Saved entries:
==============================

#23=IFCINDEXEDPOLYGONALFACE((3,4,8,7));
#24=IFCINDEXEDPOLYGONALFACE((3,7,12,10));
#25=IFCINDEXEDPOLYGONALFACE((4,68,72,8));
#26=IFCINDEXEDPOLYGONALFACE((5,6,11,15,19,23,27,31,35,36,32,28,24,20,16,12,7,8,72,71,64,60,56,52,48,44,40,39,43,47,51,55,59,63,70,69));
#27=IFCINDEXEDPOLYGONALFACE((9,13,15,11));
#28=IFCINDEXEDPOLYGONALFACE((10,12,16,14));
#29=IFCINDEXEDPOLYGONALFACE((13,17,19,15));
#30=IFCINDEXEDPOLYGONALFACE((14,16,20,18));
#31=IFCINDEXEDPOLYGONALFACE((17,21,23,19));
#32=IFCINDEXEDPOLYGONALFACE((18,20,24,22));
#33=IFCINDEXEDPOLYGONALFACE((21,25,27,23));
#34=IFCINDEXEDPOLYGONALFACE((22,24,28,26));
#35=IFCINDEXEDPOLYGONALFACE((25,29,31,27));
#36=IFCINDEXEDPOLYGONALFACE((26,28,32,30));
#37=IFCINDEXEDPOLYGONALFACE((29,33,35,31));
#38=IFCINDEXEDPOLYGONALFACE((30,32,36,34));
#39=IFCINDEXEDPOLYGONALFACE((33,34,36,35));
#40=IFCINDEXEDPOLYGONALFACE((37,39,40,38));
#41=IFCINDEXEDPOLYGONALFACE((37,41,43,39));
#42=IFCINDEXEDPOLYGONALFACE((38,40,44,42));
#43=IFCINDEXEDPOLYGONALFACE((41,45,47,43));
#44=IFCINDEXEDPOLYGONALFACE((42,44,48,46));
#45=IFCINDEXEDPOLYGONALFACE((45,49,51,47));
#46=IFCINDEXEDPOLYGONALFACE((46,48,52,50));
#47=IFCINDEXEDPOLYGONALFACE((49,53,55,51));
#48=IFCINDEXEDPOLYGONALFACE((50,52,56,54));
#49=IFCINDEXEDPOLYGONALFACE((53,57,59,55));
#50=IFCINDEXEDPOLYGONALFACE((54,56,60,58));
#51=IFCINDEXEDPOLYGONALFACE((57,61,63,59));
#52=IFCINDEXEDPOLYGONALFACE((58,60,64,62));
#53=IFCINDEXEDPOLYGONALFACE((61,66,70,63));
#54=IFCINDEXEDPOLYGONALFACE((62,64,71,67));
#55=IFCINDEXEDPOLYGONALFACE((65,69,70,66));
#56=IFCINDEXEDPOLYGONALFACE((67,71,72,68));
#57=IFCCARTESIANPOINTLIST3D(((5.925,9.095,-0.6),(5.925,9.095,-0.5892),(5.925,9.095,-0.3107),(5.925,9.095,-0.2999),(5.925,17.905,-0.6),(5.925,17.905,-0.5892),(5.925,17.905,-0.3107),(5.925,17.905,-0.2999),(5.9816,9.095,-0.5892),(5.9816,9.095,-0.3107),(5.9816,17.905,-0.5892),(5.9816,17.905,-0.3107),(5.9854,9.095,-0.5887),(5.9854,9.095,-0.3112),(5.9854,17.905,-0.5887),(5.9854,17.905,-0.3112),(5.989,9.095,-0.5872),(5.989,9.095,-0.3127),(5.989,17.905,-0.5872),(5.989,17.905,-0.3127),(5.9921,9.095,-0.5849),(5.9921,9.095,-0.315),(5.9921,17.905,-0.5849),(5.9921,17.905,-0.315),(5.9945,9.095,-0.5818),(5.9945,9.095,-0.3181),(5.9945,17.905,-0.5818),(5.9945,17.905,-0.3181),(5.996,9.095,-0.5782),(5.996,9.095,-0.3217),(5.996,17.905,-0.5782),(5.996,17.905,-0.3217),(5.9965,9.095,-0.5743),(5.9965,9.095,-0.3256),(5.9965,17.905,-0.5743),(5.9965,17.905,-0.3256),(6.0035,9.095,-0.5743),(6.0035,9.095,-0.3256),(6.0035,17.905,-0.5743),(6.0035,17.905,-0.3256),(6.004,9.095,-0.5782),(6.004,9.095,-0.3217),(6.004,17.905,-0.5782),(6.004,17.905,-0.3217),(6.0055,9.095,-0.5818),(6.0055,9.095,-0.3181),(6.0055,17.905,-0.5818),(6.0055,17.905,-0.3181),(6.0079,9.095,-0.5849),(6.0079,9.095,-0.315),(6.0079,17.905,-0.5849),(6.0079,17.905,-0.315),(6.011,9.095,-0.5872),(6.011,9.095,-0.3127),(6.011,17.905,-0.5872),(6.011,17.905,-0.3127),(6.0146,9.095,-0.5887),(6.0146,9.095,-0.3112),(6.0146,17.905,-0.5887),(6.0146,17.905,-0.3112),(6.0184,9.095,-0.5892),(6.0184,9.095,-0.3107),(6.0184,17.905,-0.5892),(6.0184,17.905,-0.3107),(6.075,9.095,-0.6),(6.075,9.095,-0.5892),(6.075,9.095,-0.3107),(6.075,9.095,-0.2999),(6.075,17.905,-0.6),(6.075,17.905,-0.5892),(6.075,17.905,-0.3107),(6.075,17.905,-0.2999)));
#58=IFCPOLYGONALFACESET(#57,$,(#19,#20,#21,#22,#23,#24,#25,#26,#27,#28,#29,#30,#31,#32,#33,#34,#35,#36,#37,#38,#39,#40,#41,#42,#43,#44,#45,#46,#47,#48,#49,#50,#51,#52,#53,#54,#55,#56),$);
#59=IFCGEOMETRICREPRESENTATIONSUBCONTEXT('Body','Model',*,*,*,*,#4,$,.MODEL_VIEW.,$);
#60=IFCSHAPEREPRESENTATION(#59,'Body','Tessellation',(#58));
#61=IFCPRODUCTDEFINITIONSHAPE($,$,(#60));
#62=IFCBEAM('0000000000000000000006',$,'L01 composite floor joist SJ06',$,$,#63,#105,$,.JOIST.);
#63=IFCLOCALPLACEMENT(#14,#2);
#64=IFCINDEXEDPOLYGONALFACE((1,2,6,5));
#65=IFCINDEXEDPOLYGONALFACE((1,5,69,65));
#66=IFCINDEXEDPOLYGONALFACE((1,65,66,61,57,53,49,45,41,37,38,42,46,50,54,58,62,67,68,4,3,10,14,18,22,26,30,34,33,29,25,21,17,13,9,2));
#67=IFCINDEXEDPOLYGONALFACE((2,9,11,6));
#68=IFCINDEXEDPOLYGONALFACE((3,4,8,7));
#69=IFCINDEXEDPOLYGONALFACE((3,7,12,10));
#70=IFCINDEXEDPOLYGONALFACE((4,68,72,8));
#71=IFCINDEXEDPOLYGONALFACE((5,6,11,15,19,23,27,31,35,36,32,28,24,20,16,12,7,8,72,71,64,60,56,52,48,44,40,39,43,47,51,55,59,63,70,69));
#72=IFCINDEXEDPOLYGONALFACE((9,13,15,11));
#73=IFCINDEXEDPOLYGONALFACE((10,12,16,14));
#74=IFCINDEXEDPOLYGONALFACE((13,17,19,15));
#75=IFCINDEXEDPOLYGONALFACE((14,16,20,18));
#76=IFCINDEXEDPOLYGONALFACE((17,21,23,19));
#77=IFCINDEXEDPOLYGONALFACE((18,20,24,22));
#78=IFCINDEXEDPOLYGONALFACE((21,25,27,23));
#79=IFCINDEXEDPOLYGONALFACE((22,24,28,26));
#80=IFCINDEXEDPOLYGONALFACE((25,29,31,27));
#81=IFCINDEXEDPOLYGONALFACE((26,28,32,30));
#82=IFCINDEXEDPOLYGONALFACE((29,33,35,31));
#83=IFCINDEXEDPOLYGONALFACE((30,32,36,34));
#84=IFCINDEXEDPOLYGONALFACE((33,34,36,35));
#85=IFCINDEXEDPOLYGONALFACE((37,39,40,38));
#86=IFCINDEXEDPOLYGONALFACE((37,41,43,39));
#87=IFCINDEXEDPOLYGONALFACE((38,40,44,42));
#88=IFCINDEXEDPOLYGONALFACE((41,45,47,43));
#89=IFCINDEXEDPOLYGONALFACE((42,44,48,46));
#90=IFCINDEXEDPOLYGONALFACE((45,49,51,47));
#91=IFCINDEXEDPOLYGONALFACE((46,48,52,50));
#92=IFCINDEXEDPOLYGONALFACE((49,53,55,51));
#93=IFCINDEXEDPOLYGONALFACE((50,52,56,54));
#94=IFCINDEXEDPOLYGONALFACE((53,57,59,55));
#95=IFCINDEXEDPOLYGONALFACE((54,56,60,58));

==============================

Exercise: Give back exactly the lines from the beginning of the records through the line containing "#56=IFCINDEXEDPOLYGONALFACE((67,71,72,68));", and only those.

Answer for the task:
#23=IFCINDEXEDPOLYGONALFACE((3,4,8,7));
#24=IFCINDEXEDPOLYGONALFACE((3,7,12,10));
#25=IFCINDEXEDPOLYGONALFACE((4,68,72,8));
#26=IFCINDEXEDPOLYGONALFACE((5,6,11,15,19,23,27,31,35,36,32,28,24,20,16,12,7,8,72,71,64,60,56,52,48,44,40,39,43,47,51,55,59,63,70,69));
#27=IFCINDEXEDPOLYGONALFACE((9,13,15,11));
#28=IFCINDEXEDPOLYGONALFACE((10,12,16,14));
#29=IFCINDEXEDPOLYGONALFACE((13,17,19,15));
#30=IFCINDEXEDPOLYGONALFACE((14,16,20,18));
#31=IFCINDEXEDPOLYGONALFACE((17,21,23,19));
#32=IFCINDEXEDPOLYGONALFACE((18,20,24,22));
#33=IFCINDEXEDPOLYGONALFACE((21,25,27,23));
#34=IFCINDEXEDPOLYGONALFACE((22,24,28,26));
#35=IFCINDEXEDPOLYGONALFACE((25,29,31,27));
#36=IFCINDEXEDPOLYGONALFACE((26,28,32,30));
#37=IFCINDEXEDPOLYGONALFACE((29,33,35,31));
#38=IFCINDEXEDPOLYGONALFACE((30,32,36,34));
#39=IFCINDEXEDPOLYGONALFACE((33,34,36,35));
#40=IFCINDEXEDPOLYGONALFACE((37,39,40,38));
#41=IFCINDEXEDPOLYGONALFACE((37,41,43,39));
#42=IFCINDEXEDPOLYGONALFACE((38,40,44,42));
#43=IFCINDEXEDPOLYGONALFACE((41,45,47,43));
#44=IFCINDEXEDPOLYGONALFACE((42,44,48,46));
#45=IFCINDEXEDPOLYGONALFACE((45,49,51,47));
#46=IFCINDEXEDPOLYGONALFACE((46,48,52,50));
#47=IFCINDEXEDPOLYGONALFACE((49,53,55,51));
#48=IFCINDEXEDPOLYGONALFACE((50,52,56,54));
#49=IFCINDEXEDPOLYGONALFACE((53,57,59,55));
#50=IFCINDEXEDPOLYGONALFACE((54,56,60,58));
#51=IFCINDEXEDPOLYGONALFACE((57,61,63,59));
#52=IFCINDEXEDPOLYGONALFACE((58,60,64,62));
#53=IFCINDEXEDPOLYGONALFACE((61,66,70,63));
#54=IFCINDEXEDPOLYGONALFACE((62,64,71,67));
#55=IFCINDEXEDPOLYGONALFACE((65,69,70,66));
#56=IFCINDEXEDPOLYGONALFACE((67,71,72,68));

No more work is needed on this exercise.